Records for this exercise>

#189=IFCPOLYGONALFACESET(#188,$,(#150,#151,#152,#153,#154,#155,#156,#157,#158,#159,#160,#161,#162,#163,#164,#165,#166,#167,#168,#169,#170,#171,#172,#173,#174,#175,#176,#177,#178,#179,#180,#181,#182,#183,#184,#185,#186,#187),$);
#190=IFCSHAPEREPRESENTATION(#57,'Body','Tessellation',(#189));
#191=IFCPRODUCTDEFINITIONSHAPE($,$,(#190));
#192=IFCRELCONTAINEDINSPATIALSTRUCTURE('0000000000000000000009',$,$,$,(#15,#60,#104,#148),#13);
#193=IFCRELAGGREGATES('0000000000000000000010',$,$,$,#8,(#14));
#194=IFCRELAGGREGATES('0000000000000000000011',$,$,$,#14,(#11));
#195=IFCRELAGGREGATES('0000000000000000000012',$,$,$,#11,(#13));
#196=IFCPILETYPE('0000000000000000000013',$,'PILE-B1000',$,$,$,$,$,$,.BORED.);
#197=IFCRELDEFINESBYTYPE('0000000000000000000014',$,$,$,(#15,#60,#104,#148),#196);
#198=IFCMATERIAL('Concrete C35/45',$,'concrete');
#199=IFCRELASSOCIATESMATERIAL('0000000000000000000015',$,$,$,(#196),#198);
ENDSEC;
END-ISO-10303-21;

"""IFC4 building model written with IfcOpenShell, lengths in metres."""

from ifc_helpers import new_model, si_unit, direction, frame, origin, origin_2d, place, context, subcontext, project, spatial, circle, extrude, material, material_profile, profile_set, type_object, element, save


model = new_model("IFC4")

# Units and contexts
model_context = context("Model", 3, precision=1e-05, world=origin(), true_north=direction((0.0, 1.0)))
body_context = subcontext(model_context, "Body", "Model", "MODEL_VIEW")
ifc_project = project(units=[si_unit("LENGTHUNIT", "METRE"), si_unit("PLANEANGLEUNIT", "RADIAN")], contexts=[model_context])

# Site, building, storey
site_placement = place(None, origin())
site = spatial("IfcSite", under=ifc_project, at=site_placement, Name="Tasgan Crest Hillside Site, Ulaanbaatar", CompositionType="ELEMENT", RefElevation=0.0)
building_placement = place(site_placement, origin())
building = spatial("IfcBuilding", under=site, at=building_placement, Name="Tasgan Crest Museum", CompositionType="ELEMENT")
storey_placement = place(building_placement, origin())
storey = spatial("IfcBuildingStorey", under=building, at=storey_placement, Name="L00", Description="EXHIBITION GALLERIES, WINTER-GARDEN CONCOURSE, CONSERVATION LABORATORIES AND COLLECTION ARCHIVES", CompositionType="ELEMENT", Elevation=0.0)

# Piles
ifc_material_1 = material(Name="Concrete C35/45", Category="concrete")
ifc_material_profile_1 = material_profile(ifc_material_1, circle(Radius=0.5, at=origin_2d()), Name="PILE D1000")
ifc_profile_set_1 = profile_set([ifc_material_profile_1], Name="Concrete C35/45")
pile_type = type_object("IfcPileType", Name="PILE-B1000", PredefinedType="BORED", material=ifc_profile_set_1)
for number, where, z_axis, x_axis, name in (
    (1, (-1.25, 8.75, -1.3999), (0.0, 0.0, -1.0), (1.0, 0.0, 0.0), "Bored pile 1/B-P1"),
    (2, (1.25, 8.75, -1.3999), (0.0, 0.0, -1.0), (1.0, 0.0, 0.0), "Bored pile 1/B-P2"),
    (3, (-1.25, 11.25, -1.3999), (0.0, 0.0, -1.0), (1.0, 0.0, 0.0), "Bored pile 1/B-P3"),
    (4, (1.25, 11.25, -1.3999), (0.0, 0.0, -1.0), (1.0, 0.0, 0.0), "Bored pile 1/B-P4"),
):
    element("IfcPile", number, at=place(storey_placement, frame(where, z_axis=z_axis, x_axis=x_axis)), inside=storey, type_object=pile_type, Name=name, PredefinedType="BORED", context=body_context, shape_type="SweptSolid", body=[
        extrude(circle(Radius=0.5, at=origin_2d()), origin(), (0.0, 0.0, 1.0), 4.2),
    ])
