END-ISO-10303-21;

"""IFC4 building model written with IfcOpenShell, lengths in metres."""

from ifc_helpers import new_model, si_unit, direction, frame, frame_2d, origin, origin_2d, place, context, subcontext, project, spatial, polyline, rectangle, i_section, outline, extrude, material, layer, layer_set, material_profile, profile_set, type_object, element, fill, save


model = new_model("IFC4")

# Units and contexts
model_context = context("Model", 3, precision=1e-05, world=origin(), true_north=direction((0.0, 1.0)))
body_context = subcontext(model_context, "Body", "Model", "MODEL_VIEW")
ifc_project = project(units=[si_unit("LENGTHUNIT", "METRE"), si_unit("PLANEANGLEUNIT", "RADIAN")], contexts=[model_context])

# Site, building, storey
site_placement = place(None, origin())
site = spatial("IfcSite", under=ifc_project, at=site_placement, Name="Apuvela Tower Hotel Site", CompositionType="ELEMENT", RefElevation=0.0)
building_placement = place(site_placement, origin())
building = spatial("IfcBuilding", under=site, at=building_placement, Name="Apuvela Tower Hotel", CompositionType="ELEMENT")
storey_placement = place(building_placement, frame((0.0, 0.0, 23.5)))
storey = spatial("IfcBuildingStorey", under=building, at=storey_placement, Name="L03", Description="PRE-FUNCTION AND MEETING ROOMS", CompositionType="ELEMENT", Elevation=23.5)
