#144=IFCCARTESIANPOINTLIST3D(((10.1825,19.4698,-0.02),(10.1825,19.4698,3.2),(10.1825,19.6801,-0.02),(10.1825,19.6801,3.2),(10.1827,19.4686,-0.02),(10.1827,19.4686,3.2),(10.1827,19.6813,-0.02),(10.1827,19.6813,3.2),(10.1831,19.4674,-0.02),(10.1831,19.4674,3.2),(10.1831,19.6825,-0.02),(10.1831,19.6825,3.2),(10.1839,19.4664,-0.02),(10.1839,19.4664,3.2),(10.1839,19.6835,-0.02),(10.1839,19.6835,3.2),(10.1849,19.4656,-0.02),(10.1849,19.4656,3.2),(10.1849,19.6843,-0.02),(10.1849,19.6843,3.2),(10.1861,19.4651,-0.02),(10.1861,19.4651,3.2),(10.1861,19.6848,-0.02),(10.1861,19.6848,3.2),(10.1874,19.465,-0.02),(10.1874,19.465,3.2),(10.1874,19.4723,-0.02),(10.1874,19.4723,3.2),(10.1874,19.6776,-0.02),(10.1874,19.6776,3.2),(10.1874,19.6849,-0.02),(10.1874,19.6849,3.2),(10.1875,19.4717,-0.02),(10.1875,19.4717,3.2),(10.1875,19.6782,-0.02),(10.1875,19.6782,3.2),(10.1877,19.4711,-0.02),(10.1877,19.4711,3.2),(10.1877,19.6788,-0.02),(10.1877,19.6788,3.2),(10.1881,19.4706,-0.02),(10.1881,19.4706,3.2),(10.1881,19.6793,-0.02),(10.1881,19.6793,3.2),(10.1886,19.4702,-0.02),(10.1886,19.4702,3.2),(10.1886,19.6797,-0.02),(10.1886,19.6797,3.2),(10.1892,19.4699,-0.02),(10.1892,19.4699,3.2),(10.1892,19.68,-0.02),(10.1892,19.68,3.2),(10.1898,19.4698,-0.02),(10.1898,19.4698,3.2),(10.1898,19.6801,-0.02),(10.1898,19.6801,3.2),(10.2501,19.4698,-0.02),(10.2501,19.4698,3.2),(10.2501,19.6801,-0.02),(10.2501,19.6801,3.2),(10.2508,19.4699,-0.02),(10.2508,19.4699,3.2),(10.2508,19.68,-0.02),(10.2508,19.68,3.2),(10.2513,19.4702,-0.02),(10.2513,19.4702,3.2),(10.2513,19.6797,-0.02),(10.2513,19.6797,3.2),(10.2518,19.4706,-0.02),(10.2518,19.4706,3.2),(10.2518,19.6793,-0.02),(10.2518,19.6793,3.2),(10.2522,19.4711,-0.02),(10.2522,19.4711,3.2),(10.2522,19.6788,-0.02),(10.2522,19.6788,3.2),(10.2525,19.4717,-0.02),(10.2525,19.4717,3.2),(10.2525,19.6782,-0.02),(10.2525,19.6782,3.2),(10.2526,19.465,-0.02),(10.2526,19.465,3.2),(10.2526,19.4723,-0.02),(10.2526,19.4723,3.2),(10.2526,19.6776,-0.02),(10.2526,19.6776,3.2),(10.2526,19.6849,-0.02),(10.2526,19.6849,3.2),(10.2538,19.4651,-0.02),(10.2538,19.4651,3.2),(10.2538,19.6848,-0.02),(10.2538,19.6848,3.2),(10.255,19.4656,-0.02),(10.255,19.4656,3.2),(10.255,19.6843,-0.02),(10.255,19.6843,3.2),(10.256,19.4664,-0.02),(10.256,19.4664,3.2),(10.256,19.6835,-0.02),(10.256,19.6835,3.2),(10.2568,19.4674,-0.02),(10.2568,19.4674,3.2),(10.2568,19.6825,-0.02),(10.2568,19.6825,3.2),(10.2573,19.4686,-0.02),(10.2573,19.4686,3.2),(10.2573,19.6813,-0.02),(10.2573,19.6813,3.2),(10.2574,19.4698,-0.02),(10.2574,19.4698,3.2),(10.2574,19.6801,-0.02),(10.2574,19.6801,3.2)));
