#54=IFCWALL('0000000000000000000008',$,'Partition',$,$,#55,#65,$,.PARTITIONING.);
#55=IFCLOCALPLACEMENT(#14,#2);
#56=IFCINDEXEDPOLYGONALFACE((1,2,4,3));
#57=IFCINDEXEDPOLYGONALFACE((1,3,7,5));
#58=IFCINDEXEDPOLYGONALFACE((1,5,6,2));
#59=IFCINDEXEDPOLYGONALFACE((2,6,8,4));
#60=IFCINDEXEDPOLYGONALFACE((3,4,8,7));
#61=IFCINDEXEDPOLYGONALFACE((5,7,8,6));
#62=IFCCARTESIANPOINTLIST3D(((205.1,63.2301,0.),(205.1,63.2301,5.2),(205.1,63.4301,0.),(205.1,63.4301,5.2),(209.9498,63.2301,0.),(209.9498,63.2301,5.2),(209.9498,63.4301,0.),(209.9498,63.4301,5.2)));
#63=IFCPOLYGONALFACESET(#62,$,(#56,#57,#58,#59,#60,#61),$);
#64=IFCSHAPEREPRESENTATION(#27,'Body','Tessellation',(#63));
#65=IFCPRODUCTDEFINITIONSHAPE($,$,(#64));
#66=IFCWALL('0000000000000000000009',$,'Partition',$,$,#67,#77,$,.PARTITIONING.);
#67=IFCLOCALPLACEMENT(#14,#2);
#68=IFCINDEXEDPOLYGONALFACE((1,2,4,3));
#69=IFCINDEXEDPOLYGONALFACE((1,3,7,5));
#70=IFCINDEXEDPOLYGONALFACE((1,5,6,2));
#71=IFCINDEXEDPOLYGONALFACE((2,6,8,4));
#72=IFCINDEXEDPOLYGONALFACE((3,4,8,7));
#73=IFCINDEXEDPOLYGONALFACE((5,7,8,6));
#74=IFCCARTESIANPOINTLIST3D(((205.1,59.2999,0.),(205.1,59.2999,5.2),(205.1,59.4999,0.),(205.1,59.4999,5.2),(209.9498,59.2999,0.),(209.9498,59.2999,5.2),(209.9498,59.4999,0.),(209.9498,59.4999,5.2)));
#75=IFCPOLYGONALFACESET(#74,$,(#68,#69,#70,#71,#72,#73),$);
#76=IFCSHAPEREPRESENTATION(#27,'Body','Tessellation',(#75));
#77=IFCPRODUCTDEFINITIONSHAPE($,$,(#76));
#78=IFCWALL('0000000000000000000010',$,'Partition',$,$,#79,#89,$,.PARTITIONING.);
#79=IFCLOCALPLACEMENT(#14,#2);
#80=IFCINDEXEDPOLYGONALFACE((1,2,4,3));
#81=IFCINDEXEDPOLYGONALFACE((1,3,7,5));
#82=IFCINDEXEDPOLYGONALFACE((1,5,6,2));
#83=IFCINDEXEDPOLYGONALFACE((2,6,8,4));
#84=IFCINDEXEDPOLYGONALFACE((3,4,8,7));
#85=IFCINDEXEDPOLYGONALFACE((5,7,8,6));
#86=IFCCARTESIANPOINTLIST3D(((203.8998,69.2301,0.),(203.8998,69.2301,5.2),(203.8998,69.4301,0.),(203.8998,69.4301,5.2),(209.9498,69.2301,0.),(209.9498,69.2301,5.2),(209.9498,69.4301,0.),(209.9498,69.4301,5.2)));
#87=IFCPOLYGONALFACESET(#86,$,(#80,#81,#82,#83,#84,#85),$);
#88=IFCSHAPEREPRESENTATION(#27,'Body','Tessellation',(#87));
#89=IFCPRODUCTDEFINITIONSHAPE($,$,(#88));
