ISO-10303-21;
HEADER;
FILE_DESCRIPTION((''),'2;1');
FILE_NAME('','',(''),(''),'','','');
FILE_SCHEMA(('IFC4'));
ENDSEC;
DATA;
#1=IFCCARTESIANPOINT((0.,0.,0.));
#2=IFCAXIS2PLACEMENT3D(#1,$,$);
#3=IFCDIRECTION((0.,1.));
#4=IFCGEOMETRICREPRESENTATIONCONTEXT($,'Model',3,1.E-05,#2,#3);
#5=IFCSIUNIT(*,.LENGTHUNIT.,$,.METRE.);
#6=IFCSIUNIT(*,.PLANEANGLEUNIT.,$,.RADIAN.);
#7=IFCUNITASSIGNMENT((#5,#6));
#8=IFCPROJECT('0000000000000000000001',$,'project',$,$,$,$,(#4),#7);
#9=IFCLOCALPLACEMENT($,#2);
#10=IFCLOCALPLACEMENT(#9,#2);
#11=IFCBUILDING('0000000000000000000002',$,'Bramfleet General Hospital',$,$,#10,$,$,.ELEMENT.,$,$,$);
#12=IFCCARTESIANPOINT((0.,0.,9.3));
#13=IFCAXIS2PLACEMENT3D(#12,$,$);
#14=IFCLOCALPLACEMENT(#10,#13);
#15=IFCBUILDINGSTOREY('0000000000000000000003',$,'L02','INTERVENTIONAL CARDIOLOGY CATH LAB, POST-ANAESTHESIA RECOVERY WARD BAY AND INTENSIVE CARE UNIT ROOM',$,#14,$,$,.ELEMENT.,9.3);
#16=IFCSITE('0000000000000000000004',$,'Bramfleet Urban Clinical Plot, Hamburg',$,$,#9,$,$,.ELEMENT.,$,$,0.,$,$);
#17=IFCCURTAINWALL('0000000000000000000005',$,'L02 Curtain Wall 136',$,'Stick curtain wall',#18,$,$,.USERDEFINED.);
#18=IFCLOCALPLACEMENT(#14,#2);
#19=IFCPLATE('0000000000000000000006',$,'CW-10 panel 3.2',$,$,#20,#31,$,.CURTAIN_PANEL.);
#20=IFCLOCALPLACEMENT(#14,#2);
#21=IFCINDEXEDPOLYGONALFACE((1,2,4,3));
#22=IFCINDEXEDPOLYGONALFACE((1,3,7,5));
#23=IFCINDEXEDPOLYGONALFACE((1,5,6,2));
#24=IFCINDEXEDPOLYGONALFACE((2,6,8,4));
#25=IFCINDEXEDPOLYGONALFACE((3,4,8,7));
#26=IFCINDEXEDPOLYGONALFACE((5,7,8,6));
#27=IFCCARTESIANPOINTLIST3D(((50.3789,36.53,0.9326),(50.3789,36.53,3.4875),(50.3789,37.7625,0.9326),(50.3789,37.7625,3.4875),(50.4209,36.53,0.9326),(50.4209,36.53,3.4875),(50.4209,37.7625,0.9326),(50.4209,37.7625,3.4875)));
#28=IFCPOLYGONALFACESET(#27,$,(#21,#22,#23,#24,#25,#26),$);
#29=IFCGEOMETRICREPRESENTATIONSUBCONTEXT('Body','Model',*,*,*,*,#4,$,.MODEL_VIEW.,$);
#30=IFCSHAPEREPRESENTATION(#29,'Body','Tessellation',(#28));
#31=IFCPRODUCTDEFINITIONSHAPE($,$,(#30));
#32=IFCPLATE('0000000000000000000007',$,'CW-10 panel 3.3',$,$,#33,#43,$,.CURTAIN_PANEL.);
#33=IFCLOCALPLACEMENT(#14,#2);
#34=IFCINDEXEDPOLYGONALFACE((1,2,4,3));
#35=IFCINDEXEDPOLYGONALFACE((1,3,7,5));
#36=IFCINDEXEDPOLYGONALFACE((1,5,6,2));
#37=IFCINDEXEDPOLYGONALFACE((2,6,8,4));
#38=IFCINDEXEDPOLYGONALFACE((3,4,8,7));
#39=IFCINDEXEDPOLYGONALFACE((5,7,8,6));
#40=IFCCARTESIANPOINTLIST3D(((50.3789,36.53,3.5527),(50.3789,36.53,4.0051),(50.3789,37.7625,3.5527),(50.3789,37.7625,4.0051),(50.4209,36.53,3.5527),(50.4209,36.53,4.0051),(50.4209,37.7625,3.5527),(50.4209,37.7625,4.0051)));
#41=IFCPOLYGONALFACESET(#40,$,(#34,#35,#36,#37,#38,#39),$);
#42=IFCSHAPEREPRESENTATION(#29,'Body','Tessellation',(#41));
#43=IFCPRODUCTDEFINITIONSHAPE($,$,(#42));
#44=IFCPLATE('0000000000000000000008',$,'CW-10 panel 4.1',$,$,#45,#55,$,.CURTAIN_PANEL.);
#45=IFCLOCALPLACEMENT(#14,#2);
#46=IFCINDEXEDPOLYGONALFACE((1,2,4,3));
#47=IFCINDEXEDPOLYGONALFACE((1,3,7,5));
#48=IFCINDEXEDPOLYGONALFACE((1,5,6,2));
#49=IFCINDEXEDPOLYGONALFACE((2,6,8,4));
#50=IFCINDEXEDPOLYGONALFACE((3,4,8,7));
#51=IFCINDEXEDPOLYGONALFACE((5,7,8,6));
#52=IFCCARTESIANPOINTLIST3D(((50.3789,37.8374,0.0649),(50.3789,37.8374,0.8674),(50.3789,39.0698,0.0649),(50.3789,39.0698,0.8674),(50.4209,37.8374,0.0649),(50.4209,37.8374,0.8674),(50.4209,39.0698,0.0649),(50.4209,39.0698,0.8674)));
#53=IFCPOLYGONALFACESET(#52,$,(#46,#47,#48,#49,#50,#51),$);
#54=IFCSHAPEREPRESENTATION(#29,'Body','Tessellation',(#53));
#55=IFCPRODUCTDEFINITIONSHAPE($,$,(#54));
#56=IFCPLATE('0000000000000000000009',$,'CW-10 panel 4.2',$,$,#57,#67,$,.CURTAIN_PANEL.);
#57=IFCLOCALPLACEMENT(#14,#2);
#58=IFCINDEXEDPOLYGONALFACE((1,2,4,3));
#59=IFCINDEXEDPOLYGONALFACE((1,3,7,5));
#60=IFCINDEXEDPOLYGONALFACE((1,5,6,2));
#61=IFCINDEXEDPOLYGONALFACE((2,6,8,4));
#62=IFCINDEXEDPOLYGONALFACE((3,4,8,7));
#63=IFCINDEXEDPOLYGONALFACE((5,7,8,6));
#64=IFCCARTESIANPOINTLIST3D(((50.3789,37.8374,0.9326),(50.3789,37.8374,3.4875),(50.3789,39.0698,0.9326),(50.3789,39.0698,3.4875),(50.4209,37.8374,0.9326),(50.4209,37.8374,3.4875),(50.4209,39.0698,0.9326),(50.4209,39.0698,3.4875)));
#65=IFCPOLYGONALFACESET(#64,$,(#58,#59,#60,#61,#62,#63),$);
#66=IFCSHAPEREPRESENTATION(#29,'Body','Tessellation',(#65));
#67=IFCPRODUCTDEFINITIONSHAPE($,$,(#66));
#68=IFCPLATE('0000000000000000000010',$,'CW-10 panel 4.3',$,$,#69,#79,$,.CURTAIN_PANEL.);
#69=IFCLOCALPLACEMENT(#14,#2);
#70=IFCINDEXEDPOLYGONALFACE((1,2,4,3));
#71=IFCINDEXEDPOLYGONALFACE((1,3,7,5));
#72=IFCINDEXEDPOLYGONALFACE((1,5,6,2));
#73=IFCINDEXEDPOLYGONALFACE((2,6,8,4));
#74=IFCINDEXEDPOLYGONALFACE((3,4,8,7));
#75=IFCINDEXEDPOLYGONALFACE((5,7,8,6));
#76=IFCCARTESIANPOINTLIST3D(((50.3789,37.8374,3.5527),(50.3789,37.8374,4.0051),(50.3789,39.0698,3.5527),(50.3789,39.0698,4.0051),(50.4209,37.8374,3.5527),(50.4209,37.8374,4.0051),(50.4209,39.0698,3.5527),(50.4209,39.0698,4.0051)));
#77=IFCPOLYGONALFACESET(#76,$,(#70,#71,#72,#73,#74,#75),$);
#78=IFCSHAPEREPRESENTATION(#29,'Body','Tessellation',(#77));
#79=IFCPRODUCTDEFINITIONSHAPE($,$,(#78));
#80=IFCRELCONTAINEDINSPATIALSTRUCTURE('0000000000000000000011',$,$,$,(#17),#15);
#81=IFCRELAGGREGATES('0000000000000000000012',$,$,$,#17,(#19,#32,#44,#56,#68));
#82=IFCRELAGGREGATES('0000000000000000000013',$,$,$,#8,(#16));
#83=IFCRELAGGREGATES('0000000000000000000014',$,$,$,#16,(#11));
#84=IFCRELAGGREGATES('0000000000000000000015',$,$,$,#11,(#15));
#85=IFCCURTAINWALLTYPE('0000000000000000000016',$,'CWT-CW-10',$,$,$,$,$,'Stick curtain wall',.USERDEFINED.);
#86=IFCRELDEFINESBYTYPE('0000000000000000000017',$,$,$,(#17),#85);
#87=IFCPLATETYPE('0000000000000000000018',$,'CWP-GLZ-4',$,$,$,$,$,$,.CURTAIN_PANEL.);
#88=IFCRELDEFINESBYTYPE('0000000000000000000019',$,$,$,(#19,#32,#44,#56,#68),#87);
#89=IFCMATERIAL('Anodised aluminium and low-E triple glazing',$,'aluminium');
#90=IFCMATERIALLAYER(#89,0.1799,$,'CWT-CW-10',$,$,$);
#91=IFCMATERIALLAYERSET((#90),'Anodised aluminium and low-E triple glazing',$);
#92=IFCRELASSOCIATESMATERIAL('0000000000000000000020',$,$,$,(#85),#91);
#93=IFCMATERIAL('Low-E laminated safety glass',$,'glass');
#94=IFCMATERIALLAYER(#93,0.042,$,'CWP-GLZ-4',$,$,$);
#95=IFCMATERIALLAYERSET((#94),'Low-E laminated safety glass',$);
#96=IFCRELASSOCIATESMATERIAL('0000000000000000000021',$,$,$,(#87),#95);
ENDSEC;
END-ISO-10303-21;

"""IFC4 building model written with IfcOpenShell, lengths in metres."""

from ifc_helpers import new_model, si_unit, direction, frame, origin, origin_2d, place, context, subcontext, project, spatial, rectangle, extrude, material, layer, layer_set, type_object, element, aggregate, save


model = new_model("IFC4")

# Units and contexts
model_context = context("Model", 3, precision=1e-05, world=origin(), true_north=direction((0.0, 1.0)))
body_context = subcontext(model_context, "Body", "Model", "MODEL_VIEW")
ifc_project = project(units=[si_unit("LENGTHUNIT", "METRE"), si_unit("PLANEANGLEUNIT", "RADIAN")], contexts=[model_context])

# Site, building, storey
site_placement = place(None, origin())
site = spatial("IfcSite", under=ifc_project, at=site_placement, Name="Bramfleet Urban Clinical Plot, Hamburg", CompositionType="ELEMENT", RefElevation=0.0)
building_placement = place(site_placement, origin())
building = spatial("IfcBuilding", under=site, at=building_placement, Name="Bramfleet General Hospital", CompositionType="ELEMENT")
storey_placement = place(building_placement, frame((0.0, 0.0, 9.3)))
storey = spatial("IfcBuildingStorey", under=building, at=storey_placement, Name="L02", Description="INTERVENTIONAL CARDIOLOGY CATH LAB, POST-ANAESTHESIA RECOVERY WARD BAY AND INTENSIVE CARE UNIT ROOM", CompositionType="ELEMENT", Elevation=9.3)

# Curtain wall, plates
ifc_material_1 = material(Name="Anodised aluminium and low-E triple glazing", Category="aluminium")
ifc_layer_1 = layer(ifc_material_1, 0.1799, Name="CWT-CW-10")
ifc_layer_set_1 = layer_set([ifc_layer_1], Name="Anodised aluminium and low-E triple glazing")
curtain_wall_type = type_object("IfcCurtainWallType", Name="CWT-CW-10", ElementType="Stick curtain wall", PredefinedType="USERDEFINED", material=ifc_layer_set_1)
curtain_wall_placement = place(storey_placement, origin())
curtain_wall = element("IfcCurtainWall", 1, at=curtain_wall_placement, inside=storey, type_object=curtain_wall_type, Name="L02 Curtain Wall 136", ObjectType="Stick curtain wall", PredefinedType="USERDEFINED")
ifc_material_2 = material(Name="Low-E laminated safety glass", Category="glass")
ifc_layer_2 = layer(ifc_material_2, 0.042, Name="CWP-GLZ-4")
ifc_layer_set_2 = layer_set([ifc_layer_2], Name="Low-E laminated safety glass")
plate_type = type_object("IfcPlateType", Name="CWP-GLZ-4", PredefinedType="CURTAIN_PANEL", material=ifc_layer_set_2)
plate_1_placement = place(storey_placement, frame((50.3999, 37.1462, 0.9326), z_axis=(0.0, 0.0, 1.0), x_axis=(0.0, 1.0, 0.0)))
plate_1 = element("IfcPlate", 2, at=plate_1_placement, type_object=plate_type, Name="CW-10 panel 3.2", PredefinedType="CURTAIN_PANEL", context=body_context, shape_type="SweptSolid", body=[
    extrude(rectangle(XDim=1.2324, YDim=0.042, at=origin_2d()), origin(), (0.0, 0.0, 1.0), 2.5549),
])
plate_2_placement = place(storey_placement, frame((50.3999, 37.1462, 3.5527), z_axis=(0.0, 0.0, 1.0), x_axis=(0.0, 1.0, 0.0)))
plate_2 = element("IfcPlate", 3, at=plate_2_placement, type_object=plate_type, Name="CW-10 panel 3.3", PredefinedType="CURTAIN_PANEL", context=body_context, shape_type="SweptSolid", body=[
    extrude(rectangle(XDim=1.2324, YDim=0.042, at=origin_2d()), origin(), (0.0, 0.0, 1.0), 0.4524),
])
plate_3_placement = place(storey_placement, frame((50.3999, 38.4536, 0.0649), z_axis=(0.0, 0.0, 1.0), x_axis=(0.0, 1.0, 0.0)))
plate_3 = element("IfcPlate", 4, at=plate_3_placement, type_object=plate_type, Name="CW-10 panel 4.1", PredefinedType="CURTAIN_PANEL", context=body_context, shape_type="SweptSolid", body=[
    extrude(rectangle(XDim=1.2324, YDim=0.042, at=origin_2d()), origin(), (0.0, 0.0, 1.0), 0.8025),
])
plate_4_placement = place(storey_placement, frame((50.3999, 38.4536, 0.9326), z_axis=(0.0, 0.0, 1.0), x_axis=(0.0, 1.0, 0.0)))
plate_4 = element("IfcPlate", 5, at=plate_4_placement, type_object=plate_type, Name="CW-10 panel 4.2", PredefinedType="CURTAIN_PANEL", context=body_context, shape_type="SweptSolid", body=[
    extrude(rectangle(XDim=1.2324, YDim=0.042, at=origin_2d()), origin(), (0.0, 0.0, 1.0), 2.5549),
])
plate_5_placement = place(storey_placement, frame((50.3999, 38.4536, 3.5527), z_axis=(0.0, 0.0, 1.0), x_axis=(0.0, 1.0, 0.0)))
plate_5 = element("IfcPlate", 6, at=plate_5_placement, type_object=plate_type, Name="CW-10 panel 4.3", PredefinedType="CURTAIN_PANEL", context=body_context, shape_type="SweptSolid", body=[
    extrude(rectangle(XDim=1.2324, YDim=0.042, at=origin_2d()), origin(), (0.0, 0.0, 1.0), 0.4524),
])
aggregate(curtain_wall, [plate_1, plate_2, plate_3, plate_4, plate_5])

save(model, "model.ifc")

What you have to do> Wherever the word "IFCRELASSOCIATESMATERIAL" turns up in the records above, copy the line that holds it.

Response for this exercise>
#199=IFCRELASSOCIATESMATERIAL('0000000000000000000015',$,$,$,(#196),#198);
#92=IFCRELASSOCIATESMATERIAL('0000000000000000000020',$,$,$,(#85),#91);
#96=IFCRELASSOCIATESMATERIAL('0000000000000000000021',$,$,$,(#87),#95);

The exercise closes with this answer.